Beginning with the first line of the data below, set down each line exactly through the line that contains "frame((0.0, 0.0, 401.8)))".

Recorded data

————

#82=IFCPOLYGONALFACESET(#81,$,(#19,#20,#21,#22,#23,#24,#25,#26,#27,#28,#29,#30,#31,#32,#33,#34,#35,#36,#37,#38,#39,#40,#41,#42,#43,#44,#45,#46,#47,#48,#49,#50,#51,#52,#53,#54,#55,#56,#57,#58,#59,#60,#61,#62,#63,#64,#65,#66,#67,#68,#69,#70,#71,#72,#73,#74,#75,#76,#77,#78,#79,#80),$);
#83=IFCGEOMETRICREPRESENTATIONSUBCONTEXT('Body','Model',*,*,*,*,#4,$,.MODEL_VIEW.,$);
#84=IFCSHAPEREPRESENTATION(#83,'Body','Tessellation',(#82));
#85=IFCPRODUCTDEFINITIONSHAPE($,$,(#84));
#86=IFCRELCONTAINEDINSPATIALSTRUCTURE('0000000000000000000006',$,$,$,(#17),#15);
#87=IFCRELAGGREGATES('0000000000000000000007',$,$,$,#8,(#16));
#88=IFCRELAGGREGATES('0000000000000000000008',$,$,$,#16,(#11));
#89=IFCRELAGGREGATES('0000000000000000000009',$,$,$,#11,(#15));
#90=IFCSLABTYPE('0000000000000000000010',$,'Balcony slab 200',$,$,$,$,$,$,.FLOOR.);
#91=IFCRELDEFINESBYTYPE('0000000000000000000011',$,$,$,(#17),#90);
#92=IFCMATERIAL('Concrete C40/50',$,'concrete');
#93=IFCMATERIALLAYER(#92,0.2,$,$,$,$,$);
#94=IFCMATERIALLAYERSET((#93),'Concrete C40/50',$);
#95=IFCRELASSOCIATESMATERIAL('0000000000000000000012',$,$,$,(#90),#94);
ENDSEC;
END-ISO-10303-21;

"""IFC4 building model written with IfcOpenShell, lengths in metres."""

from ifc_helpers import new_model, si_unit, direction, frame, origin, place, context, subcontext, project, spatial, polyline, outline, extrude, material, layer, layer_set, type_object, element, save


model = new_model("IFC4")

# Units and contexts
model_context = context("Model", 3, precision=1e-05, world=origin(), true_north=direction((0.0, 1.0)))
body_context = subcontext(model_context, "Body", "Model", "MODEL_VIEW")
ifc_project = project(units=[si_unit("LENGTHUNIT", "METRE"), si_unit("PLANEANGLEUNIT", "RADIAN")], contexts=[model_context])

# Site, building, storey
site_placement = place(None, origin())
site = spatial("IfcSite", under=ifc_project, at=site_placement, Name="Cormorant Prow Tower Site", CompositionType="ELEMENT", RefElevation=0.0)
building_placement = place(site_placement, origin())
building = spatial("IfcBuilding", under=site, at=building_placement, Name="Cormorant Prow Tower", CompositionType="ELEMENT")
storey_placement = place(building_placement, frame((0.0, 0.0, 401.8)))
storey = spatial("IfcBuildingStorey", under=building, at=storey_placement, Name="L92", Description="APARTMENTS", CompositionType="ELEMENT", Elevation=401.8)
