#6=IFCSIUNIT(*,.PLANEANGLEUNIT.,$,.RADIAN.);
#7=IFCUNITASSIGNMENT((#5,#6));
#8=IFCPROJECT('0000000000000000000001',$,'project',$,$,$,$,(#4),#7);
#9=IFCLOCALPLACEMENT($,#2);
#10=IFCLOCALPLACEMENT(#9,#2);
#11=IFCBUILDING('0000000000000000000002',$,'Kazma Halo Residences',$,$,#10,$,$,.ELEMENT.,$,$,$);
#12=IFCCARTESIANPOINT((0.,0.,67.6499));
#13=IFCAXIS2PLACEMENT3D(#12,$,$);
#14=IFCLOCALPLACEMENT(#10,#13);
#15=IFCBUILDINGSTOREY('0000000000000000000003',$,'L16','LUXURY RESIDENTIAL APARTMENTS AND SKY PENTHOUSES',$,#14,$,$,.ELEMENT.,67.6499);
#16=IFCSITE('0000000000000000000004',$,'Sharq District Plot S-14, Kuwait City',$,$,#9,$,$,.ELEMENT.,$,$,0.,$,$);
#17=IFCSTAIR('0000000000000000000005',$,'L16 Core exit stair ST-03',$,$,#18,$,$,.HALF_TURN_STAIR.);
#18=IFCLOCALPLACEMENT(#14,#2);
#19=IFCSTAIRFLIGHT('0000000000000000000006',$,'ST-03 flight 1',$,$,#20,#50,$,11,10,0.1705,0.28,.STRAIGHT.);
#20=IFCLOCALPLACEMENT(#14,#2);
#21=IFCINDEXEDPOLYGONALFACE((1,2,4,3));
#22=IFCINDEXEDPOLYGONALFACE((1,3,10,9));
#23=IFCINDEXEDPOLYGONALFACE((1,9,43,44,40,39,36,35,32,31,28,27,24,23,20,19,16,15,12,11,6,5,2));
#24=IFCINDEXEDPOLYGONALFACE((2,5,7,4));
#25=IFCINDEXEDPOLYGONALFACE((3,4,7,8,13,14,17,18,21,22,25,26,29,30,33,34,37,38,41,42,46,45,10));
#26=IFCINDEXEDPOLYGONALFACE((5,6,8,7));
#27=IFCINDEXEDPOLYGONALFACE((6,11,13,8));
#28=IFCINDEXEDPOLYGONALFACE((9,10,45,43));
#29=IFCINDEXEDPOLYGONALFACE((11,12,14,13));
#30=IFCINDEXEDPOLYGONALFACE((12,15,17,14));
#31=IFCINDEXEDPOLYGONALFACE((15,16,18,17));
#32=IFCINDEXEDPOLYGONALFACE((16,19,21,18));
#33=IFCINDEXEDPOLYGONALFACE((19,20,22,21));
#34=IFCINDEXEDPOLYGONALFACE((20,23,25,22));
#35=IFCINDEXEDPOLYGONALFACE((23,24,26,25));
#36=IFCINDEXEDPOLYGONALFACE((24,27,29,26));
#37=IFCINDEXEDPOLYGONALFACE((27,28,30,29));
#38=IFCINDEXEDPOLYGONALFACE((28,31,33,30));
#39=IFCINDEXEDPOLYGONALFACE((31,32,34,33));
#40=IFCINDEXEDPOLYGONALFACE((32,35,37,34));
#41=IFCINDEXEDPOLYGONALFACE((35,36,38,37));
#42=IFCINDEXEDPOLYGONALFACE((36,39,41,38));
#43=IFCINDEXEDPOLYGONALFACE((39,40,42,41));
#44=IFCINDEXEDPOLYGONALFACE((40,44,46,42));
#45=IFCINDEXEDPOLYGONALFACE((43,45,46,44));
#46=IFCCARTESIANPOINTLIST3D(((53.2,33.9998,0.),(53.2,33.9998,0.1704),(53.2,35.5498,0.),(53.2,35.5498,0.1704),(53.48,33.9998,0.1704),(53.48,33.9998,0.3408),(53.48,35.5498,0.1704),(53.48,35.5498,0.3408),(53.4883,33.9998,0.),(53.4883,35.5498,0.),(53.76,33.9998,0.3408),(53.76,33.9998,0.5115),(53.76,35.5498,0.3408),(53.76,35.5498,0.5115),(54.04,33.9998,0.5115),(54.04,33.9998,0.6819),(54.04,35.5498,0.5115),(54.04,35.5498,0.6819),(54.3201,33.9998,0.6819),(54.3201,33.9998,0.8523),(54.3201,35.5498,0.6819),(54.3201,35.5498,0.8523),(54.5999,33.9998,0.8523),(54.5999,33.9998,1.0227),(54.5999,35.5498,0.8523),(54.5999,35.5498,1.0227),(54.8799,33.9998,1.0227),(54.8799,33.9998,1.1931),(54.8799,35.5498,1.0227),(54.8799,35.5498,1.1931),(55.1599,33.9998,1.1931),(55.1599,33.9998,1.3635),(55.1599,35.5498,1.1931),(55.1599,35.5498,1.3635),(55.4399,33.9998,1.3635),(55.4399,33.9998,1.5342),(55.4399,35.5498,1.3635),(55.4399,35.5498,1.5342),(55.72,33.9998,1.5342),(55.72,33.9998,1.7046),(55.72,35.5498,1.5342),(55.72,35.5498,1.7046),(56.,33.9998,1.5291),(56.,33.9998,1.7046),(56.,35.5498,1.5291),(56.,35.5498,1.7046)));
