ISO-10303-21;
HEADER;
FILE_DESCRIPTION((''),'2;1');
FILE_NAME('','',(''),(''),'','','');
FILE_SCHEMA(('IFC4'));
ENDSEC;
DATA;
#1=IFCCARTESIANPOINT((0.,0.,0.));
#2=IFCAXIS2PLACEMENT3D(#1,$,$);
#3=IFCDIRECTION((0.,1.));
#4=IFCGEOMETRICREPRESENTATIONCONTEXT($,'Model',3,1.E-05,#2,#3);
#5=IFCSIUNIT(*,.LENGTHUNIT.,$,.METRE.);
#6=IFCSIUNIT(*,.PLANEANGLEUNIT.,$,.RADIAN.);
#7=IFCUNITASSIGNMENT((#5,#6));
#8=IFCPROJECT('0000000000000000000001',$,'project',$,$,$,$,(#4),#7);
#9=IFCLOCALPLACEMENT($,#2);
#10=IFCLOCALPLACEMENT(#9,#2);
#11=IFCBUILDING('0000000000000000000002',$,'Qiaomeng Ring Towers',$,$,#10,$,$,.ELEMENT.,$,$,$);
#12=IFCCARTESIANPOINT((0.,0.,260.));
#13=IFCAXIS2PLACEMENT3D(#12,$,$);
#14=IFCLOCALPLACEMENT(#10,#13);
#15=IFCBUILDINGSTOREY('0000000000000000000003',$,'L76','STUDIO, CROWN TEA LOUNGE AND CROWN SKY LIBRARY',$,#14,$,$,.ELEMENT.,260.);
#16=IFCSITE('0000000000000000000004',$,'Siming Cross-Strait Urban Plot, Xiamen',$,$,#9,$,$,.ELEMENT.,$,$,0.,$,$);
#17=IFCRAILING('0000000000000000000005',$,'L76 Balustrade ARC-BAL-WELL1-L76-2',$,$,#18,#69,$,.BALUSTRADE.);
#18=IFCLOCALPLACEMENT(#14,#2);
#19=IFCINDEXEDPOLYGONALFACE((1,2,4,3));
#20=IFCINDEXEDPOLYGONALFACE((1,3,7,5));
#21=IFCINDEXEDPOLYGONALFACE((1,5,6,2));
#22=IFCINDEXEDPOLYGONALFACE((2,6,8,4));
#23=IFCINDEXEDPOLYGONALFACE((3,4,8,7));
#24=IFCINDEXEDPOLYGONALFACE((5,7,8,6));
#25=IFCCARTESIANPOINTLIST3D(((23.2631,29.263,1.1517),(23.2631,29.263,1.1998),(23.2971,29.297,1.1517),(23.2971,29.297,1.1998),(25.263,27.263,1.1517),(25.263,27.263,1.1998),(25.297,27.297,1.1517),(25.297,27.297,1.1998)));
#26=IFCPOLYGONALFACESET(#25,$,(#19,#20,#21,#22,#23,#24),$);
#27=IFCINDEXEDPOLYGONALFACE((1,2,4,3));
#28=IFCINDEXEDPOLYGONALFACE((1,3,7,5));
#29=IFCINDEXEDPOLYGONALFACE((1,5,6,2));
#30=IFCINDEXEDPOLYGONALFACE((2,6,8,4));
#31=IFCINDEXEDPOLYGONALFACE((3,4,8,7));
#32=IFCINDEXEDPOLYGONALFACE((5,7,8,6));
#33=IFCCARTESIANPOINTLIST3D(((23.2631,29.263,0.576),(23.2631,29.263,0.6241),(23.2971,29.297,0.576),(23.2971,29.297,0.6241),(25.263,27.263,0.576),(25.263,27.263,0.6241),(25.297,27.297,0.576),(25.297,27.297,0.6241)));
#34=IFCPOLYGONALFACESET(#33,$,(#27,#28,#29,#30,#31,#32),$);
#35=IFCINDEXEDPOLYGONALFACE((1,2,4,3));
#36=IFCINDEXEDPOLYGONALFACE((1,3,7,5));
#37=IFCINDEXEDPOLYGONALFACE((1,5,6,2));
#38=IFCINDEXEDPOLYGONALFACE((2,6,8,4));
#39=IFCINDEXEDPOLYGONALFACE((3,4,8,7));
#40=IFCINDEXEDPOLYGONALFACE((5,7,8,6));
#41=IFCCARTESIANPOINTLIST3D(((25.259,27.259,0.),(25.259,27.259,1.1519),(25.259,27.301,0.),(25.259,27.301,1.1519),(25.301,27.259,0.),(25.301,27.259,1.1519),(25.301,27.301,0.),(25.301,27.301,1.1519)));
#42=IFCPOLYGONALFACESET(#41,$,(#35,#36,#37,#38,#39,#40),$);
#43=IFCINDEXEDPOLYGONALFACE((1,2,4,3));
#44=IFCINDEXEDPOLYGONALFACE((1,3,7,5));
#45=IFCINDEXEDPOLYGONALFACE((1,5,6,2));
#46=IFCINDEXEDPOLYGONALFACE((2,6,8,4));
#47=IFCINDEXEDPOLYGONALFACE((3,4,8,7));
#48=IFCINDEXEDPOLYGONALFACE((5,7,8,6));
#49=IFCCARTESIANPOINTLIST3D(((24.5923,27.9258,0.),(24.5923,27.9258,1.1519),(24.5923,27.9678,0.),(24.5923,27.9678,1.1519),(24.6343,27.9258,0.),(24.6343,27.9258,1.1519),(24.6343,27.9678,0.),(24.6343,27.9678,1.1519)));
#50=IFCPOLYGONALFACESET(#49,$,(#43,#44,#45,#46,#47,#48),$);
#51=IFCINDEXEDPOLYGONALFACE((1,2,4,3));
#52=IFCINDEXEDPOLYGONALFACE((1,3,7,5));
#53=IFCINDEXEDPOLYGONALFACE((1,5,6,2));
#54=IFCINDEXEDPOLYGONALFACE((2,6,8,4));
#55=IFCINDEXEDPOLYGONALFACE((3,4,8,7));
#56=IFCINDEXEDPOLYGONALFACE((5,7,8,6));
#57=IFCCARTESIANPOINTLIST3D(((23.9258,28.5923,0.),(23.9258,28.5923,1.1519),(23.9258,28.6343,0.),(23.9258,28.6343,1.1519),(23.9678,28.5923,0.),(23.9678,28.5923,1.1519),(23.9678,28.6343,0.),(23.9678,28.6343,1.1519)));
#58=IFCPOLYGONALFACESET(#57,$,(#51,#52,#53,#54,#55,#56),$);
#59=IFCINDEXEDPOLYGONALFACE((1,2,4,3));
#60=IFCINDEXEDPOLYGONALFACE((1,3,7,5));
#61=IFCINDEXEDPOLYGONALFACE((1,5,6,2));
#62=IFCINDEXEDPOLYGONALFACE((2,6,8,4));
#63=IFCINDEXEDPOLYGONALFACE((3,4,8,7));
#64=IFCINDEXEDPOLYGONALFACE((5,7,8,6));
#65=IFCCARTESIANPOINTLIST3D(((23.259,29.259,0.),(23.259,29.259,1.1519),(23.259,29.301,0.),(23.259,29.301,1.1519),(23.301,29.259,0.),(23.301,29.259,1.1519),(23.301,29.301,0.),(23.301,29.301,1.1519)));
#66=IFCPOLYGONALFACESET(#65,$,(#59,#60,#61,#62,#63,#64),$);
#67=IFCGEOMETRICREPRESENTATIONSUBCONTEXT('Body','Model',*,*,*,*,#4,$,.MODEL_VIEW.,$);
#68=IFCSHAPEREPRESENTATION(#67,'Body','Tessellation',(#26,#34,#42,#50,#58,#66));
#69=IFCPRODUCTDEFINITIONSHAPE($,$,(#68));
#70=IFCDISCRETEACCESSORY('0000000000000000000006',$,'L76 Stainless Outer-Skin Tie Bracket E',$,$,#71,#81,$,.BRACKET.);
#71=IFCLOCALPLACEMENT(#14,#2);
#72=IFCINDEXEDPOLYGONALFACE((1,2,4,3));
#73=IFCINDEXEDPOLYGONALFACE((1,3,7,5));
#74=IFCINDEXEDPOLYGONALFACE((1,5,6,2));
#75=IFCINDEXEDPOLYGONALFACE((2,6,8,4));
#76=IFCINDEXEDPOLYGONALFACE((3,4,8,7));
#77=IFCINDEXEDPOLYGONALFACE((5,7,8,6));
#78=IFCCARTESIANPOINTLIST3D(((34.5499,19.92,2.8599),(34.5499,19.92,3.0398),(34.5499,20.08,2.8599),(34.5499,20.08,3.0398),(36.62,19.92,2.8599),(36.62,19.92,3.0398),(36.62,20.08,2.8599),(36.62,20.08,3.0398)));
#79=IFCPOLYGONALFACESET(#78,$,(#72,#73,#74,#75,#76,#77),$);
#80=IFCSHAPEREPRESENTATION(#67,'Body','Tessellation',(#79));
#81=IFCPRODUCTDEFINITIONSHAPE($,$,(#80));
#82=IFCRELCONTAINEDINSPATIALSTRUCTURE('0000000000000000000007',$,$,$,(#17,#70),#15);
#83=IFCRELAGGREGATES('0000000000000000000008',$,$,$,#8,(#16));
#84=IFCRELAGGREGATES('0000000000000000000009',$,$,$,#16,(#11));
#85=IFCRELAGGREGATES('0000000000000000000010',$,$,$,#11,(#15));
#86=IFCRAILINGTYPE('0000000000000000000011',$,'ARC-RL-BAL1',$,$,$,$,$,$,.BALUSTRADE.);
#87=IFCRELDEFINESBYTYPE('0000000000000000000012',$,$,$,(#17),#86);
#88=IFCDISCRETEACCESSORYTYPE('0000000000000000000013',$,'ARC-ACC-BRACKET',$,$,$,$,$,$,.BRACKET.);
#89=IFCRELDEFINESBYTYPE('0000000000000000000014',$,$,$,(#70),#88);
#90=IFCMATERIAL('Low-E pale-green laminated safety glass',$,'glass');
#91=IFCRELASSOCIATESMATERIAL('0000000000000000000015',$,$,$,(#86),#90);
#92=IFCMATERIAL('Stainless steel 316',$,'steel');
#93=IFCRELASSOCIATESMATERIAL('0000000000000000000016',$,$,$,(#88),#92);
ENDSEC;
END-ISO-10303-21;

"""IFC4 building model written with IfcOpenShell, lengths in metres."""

from ifc_helpers import new_model, si_unit, direction, frame, origin, origin_2d, place, context, subcontext, project, spatial, rectangle, extrude, source, transform, mapped, material, type_object, element, save


model = new_model("IFC4")

# Units and contexts
model_context = context("Model", 3, precision=1e-05, world=origin(), true_north=direction((0.0, 1.0)))
body_context = subcontext(model_context, "Body", "Model", "MODEL_VIEW")
ifc_project = project(units=[si_unit("LENGTHUNIT", "METRE"), si_unit("PLANEANGLEUNIT", "RADIAN")], contexts=[model_context])

# Site, building, storey
site_placement = place(None, origin())
site = spatial("IfcSite", under=ifc_project, at=site_placement, Name="Siming Cross-Strait Urban Plot, Xiamen", CompositionType="ELEMENT", RefElevation=0.0)
building_placement = place(site_placement, origin())
building = spatial("IfcBuilding", under=site, at=building_placement, Name="Qiaomeng Ring Towers", CompositionType="ELEMENT")
storey_placement = place(building_placement, frame((0.0, 0.0, 260.0)))
storey = spatial("IfcBuildingStorey", under=building, at=storey_placement, Name="L76", Description="STUDIO, CROWN TEA LOUNGE AND CROWN SKY LIBRARY", CompositionType="ELEMENT", Elevation=260.0)

# Shared definitions
ifc_material_1 = material(Name="Stainless steel 316", Category="steel")

# Railing
ifc_material_2 = material(Name="Low-E pale-green laminated safety glass", Category="glass")
railing_type = type_object("IfcRailingType", Name="ARC-RL-BAL1", PredefinedType="BALUSTRADE", material=ifc_material_2)
railing_placement = place(storey_placement, frame((25.28, 27.28, 0.0)))
element("IfcRailing", 1, at=railing_placement, inside=storey, type_object=railing_type, Name="L76 Balustrade ARC-BAL-WELL1-L76-2", PredefinedType="BALUSTRADE", context=body_context, shape_type="SweptSolid", body=[
    extrude(rectangle(XDim=0.0481, YDim=0.0481, at=origin_2d()), frame((0.0, 0.0, 1.1758), z_axis=(-0.707107, 0.707107, 0.0), x_axis=(-0.707107, -0.707107, 0.0)), (0.0, 0.0, 1.0), 2.8284),
    extrude(rectangle(XDim=0.0481, YDim=0.0481, at=origin_2d()), frame((0.0, 0.0, 0.6001), z_axis=(-0.707107, 0.707107, 0.0), x_axis=(-0.707107, -0.707107, 0.0)), (0.0, 0.0, 1.0), 2.8284),
    extrude(rectangle(XDim=0.042, YDim=0.042, at=origin_2d()), origin(), (0.0, 0.0, 1.0), 1.1519),
    extrude(rectangle(XDim=0.042, YDim=0.042, at=origin_2d()), frame((-0.6667, 0.6667, 0.0)), (0.0, 0.0, 1.0), 1.1519),
    extrude(rectangle(XDim=0.042, YDim=0.042, at=origin_2d()), frame((-1.3333, 1.3333, 0.0)), (0.0, 0.0, 1.0), 1.1519),
    extrude(rectangle(XDim=0.042, YDim=0.042, at=origin_2d()), frame((-2.0, 2.0, 0.0)), (0.0, 0.0, 1.0), 1.1519),
])

# Discrete accessory
discrete_accessory_type = type_object("IfcDiscreteAccessoryType", Name="ARC-ACC-BRACKET", PredefinedType="BRACKET", material=ifc_material_1)
shared_shape_1 = source(origin(), body_context, "Body", "SweptSolid", [
    extrude(rectangle(XDim=2.0701, YDim=0.1599, at=origin_2d()), origin(), (0.0, 0.0, 1.0), 0.1799),
])
discrete_accessory_placement = place(storey_placement, frame((35.585, 20.0, 2.8599), z_axis=(0.0, 0.0, 1.0), x_axis=(1.0, 0.0, 0.0)))
element("IfcDiscreteAccessory", 2, at=discrete_accessory_placement, inside=storey, type_object=discrete_accessory_type, Name="L76 Stainless Outer-Skin Tie Bracket E", PredefinedType="BRACKET", context=body_context, shape_type="MappedRepresentation", body=[
    mapped(shared_shape_1, transform((0.0, 0.0, 0.0), x_axis=(1.0, 0.0, 0.0), y_axis=(0.0, 1.0, 0.0), z_axis=(0.0, 0.0, 1.0), scale=1.0)),
])

save(model, "model.ifc")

————

Exercise result
#82=IFCPOLYGONALFACESET(#81,$,(#19,#20,#21,#22,#23,#24,#25,#26,#27,#28,#29,#30,#31,#32,#33,#34,#35,#36,#37,#38,#39,#40,#41,#42,#43,#44,#45,#46,#47,#48,#49,#50,#51,#52,#53,#54,#55,#56,#57,#58,#59,#60,#61,#62,#63,#64,#65,#66,#67,#68,#69,#70,#71,#72,#73,#74,#75,#76,#77,#78,#79,#80),$);
#83=IFCGEOMETRICREPRESENTATIONSUBCONTEXT('Body','Model',*,*,*,*,#4,$,.MODEL_VIEW.,$);
#84=IFCSHAPEREPRESENTATION(#83,'Body','Tessellation',(#82));
#85=IFCPRODUCTDEFINITIONSHAPE($,$,(#84));
#86=IFCRELCONTAINEDINSPATIALSTRUCTURE('0000000000000000000006',$,$,$,(#17),#15);
#87=IFCRELAGGREGATES('0000000000000000000007',$,$,$,#8,(#16));
#88=IFCRELAGGREGATES('0000000000000000000008',$,$,$,#16,(#11));
#89=IFCRELAGGREGATES('0000000000000000000009',$,$,$,#11,(#15));
#90=IFCSLABTYPE('0000000000000000000010',$,'Balcony slab 200',$,$,$,$,$,$,.FLOOR.);
#91=IFCRELDEFINESBYTYPE('0000000000000000000011',$,$,$,(#17),#90);
#92=IFCMATERIAL('Concrete C40/50',$,'concrete');
#93=IFCMATERIALLAYER(#92,0.2,$,$,$,$,$);
#94=IFCMATERIALLAYERSET((#93),'Concrete C40/50',$);
#95=IFCRELASSOCIATESMATERIAL('0000000000000000000012',$,$,$,(#90),#94);
ENDSEC;
END-ISO-10303-21;

"""IFC4 building model written with IfcOpenShell, lengths in metres."""

from ifc_helpers import new_model, si_unit, direction, frame, origin, place, context, subcontext, project, spatial, polyline, outline, extrude, material, layer, layer_set, type_object, element, save


model = new_model("IFC4")

# Units and contexts
model_context = context("Model", 3, precision=1e-05, world=origin(), true_north=direction((0.0, 1.0)))
body_context = subcontext(model_context, "Body", "Model", "MODEL_VIEW")
ifc_project = project(units=[si_unit("LENGTHUNIT", "METRE"), si_unit("PLANEANGLEUNIT", "RADIAN")], contexts=[model_context])

# Site, building, storey
site_placement = place(None, origin())
site = spatial("IfcSite", under=ifc_project, at=site_placement, Name="Cormorant Prow Tower Site", CompositionType="ELEMENT", RefElevation=0.0)
building_placement = place(site_placement, origin())
building = spatial("IfcBuilding", under=site, at=building_placement, Name="Cormorant Prow Tower", CompositionType="ELEMENT")
storey_placement = place(building_placement, frame((0.0, 0.0, 401.8)))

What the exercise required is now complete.